INPUT RECORDS
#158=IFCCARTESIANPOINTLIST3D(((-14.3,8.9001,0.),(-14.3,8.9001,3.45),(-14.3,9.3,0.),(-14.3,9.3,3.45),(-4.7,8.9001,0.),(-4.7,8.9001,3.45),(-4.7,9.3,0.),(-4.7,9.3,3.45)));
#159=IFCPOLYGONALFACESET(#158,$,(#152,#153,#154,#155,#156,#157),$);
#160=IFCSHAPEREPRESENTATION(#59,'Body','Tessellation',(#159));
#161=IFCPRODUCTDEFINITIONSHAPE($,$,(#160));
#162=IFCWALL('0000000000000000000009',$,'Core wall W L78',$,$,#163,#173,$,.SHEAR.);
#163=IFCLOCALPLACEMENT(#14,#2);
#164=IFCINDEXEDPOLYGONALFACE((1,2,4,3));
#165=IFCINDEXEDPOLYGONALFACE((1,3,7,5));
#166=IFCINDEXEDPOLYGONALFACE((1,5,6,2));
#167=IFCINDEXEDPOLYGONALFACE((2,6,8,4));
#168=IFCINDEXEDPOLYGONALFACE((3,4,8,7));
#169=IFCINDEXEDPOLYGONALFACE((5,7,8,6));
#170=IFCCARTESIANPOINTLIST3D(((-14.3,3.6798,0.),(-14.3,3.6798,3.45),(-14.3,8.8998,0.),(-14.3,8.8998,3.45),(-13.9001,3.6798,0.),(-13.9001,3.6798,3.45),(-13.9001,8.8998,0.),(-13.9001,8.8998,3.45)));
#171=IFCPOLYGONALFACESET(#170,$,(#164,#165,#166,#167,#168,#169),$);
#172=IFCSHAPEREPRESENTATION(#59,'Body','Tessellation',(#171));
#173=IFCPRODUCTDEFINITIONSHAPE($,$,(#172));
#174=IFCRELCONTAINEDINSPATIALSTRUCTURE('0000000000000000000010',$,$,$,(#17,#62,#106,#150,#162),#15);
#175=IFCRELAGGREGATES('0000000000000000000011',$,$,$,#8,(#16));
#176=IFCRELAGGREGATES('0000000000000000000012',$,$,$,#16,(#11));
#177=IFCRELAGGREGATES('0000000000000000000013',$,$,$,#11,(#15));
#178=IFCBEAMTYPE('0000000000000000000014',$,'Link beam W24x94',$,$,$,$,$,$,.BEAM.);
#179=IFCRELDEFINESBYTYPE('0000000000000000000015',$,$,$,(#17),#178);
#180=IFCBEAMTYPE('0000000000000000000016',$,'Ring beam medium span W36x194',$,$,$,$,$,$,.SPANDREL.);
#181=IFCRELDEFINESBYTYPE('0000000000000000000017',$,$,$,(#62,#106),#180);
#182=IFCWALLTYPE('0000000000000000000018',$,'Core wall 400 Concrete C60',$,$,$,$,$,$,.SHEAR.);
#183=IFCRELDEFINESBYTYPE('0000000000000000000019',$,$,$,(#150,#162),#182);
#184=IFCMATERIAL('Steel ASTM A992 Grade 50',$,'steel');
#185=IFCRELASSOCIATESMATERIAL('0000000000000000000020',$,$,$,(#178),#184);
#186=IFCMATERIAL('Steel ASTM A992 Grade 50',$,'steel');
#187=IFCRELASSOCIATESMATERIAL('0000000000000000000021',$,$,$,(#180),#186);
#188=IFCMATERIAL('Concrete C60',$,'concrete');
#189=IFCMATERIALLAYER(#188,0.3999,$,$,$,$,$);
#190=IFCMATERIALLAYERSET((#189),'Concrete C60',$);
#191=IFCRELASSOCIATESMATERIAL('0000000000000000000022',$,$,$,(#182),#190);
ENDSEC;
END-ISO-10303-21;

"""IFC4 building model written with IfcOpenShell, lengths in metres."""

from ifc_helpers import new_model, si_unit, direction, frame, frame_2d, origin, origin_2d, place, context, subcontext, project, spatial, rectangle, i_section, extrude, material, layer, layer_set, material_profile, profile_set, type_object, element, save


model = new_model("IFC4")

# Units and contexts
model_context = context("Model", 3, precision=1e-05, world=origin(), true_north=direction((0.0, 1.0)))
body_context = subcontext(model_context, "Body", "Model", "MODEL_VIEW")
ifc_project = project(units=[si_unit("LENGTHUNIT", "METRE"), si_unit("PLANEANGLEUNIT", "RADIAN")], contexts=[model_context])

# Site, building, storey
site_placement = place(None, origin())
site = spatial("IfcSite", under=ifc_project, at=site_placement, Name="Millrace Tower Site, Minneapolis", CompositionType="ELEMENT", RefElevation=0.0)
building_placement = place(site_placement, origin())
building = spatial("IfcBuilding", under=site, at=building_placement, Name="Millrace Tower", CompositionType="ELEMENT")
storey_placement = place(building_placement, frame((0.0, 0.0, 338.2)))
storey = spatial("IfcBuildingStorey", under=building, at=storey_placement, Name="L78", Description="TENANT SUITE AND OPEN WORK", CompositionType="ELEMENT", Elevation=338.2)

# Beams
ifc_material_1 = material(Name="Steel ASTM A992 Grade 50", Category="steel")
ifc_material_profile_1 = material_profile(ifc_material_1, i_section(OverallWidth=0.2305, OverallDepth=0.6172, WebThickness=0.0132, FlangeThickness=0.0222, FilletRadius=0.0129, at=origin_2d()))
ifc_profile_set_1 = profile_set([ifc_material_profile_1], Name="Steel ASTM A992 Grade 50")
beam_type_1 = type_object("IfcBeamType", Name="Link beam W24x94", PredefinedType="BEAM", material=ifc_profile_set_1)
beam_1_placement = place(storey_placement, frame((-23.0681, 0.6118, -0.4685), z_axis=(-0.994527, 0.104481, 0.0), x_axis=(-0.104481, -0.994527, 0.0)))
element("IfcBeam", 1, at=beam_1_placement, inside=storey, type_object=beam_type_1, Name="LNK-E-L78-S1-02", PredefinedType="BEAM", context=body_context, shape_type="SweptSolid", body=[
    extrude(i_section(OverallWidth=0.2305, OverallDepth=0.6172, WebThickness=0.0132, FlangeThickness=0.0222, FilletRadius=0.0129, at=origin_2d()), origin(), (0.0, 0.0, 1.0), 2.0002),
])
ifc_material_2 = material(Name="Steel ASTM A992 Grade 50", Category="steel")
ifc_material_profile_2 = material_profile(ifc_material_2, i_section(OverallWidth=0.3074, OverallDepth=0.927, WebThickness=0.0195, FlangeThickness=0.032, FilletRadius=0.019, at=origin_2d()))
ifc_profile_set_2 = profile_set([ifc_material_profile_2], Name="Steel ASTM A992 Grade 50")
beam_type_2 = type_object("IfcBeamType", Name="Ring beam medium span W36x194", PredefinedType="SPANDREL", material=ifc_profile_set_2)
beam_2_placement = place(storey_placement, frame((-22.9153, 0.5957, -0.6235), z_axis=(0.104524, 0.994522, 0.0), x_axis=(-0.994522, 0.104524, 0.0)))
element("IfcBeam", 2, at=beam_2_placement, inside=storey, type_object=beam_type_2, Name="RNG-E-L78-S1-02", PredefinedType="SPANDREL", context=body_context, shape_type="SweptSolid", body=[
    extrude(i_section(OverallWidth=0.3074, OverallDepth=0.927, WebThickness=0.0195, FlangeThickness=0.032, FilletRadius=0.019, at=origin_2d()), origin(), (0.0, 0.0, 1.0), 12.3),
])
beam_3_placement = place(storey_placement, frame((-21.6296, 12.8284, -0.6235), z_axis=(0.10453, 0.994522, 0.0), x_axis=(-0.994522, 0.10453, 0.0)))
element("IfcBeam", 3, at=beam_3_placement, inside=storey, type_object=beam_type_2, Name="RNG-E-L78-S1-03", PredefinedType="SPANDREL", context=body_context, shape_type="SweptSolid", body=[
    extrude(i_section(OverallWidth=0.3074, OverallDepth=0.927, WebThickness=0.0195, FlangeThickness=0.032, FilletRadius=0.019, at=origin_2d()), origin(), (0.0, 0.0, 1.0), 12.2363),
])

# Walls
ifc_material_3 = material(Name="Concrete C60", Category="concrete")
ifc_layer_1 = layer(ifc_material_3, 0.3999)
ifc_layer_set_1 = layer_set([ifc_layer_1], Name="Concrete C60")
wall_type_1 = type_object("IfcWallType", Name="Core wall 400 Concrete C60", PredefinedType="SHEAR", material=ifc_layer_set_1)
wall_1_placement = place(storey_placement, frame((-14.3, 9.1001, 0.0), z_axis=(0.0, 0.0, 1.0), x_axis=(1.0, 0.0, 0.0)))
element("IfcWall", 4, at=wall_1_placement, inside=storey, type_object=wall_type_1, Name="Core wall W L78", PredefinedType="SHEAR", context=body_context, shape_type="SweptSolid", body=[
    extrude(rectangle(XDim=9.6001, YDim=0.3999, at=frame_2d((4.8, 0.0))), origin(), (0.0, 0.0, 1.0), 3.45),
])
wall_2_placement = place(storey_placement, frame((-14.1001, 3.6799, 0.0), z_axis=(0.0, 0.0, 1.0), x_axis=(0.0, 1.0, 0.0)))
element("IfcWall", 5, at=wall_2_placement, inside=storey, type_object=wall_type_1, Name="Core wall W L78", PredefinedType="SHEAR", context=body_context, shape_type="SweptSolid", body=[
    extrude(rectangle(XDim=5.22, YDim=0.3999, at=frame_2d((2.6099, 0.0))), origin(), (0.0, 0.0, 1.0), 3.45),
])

...

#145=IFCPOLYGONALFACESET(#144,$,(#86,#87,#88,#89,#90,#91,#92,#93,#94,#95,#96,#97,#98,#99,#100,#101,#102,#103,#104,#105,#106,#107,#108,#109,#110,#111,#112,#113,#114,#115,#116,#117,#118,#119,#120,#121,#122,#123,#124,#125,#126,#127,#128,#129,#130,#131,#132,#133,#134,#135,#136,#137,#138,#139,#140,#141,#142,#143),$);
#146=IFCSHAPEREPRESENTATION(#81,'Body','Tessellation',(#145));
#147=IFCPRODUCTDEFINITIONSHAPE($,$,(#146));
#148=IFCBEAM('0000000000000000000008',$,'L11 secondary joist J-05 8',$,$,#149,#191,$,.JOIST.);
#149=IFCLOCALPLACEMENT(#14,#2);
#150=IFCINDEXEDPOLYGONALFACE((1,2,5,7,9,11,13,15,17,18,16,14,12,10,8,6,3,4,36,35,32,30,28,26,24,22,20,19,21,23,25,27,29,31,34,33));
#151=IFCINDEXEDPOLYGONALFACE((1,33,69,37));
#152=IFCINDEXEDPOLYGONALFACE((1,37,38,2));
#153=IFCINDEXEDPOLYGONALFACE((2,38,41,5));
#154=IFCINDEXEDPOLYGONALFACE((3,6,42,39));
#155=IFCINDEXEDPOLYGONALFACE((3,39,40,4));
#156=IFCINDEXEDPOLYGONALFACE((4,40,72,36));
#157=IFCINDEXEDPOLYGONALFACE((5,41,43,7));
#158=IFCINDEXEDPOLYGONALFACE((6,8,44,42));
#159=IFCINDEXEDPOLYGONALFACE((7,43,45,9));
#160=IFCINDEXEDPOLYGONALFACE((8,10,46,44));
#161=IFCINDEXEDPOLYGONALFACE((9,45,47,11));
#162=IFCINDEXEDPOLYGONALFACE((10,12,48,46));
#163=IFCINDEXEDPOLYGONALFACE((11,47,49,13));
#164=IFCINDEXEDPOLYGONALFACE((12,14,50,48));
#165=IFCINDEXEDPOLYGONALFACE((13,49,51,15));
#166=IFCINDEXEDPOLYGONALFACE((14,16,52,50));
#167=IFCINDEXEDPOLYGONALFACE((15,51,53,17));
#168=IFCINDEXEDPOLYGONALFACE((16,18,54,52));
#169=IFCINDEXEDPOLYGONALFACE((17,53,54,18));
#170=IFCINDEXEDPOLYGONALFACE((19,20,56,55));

* * *

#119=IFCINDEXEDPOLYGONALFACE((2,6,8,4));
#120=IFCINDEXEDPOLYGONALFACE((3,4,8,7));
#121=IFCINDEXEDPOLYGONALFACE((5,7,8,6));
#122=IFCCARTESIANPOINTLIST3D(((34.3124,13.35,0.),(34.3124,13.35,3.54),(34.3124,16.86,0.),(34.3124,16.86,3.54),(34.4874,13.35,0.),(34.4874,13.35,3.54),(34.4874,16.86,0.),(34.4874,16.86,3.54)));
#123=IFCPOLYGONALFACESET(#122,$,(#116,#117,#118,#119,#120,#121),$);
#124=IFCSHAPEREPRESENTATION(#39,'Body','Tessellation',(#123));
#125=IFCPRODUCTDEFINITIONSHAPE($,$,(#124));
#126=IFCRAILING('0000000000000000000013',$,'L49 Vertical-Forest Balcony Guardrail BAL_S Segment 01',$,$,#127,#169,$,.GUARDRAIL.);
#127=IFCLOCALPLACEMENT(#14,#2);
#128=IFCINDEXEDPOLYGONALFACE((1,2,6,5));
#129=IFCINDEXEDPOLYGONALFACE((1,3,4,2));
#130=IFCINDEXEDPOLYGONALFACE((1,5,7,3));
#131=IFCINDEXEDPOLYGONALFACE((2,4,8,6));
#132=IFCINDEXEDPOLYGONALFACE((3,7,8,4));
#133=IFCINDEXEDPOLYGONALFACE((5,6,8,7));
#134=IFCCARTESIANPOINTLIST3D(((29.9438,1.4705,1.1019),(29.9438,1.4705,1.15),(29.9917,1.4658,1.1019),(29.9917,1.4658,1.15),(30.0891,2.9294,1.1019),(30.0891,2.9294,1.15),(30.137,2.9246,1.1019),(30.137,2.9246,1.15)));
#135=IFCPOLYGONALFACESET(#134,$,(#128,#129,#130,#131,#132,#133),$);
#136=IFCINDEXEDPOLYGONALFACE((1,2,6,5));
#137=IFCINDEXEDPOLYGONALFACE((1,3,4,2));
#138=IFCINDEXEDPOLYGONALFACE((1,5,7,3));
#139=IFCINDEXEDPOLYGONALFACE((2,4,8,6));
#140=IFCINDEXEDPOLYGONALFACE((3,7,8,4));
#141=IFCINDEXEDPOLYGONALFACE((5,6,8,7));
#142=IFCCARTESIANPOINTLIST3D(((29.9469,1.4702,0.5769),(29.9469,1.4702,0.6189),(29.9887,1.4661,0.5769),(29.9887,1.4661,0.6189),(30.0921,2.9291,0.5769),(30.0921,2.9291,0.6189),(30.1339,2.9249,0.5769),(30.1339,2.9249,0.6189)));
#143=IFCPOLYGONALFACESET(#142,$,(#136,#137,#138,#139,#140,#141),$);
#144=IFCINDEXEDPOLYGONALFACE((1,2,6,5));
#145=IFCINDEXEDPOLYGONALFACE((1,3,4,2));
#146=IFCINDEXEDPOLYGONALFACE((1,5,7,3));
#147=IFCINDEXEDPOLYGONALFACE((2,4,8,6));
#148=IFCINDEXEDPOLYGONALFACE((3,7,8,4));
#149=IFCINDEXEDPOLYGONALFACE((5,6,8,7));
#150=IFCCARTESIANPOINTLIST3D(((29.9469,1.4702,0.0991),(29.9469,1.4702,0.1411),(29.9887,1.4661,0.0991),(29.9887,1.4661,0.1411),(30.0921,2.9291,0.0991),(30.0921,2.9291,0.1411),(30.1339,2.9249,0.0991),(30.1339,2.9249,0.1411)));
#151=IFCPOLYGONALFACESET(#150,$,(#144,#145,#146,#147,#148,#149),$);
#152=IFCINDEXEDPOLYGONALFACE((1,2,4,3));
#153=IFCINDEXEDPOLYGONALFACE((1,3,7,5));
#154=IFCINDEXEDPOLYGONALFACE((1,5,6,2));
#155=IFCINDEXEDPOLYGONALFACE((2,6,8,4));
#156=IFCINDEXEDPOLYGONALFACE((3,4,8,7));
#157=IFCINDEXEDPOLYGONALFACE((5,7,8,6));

ASSIGNMENT
Which lines of the records above hold the word "Ring"? Copy each of them.

ANSWER AREA
#180=IFCBEAMTYPE('0000000000000000000016',$,'Ring beam medium span W36x194',$,$,$,$,$,$,.SPANDREL.);
beam_type_2 = type_object("IfcBeamType", Name="Ring beam medium span W36x194", PredefinedType="SPANDREL", material=ifc_profile_set_2)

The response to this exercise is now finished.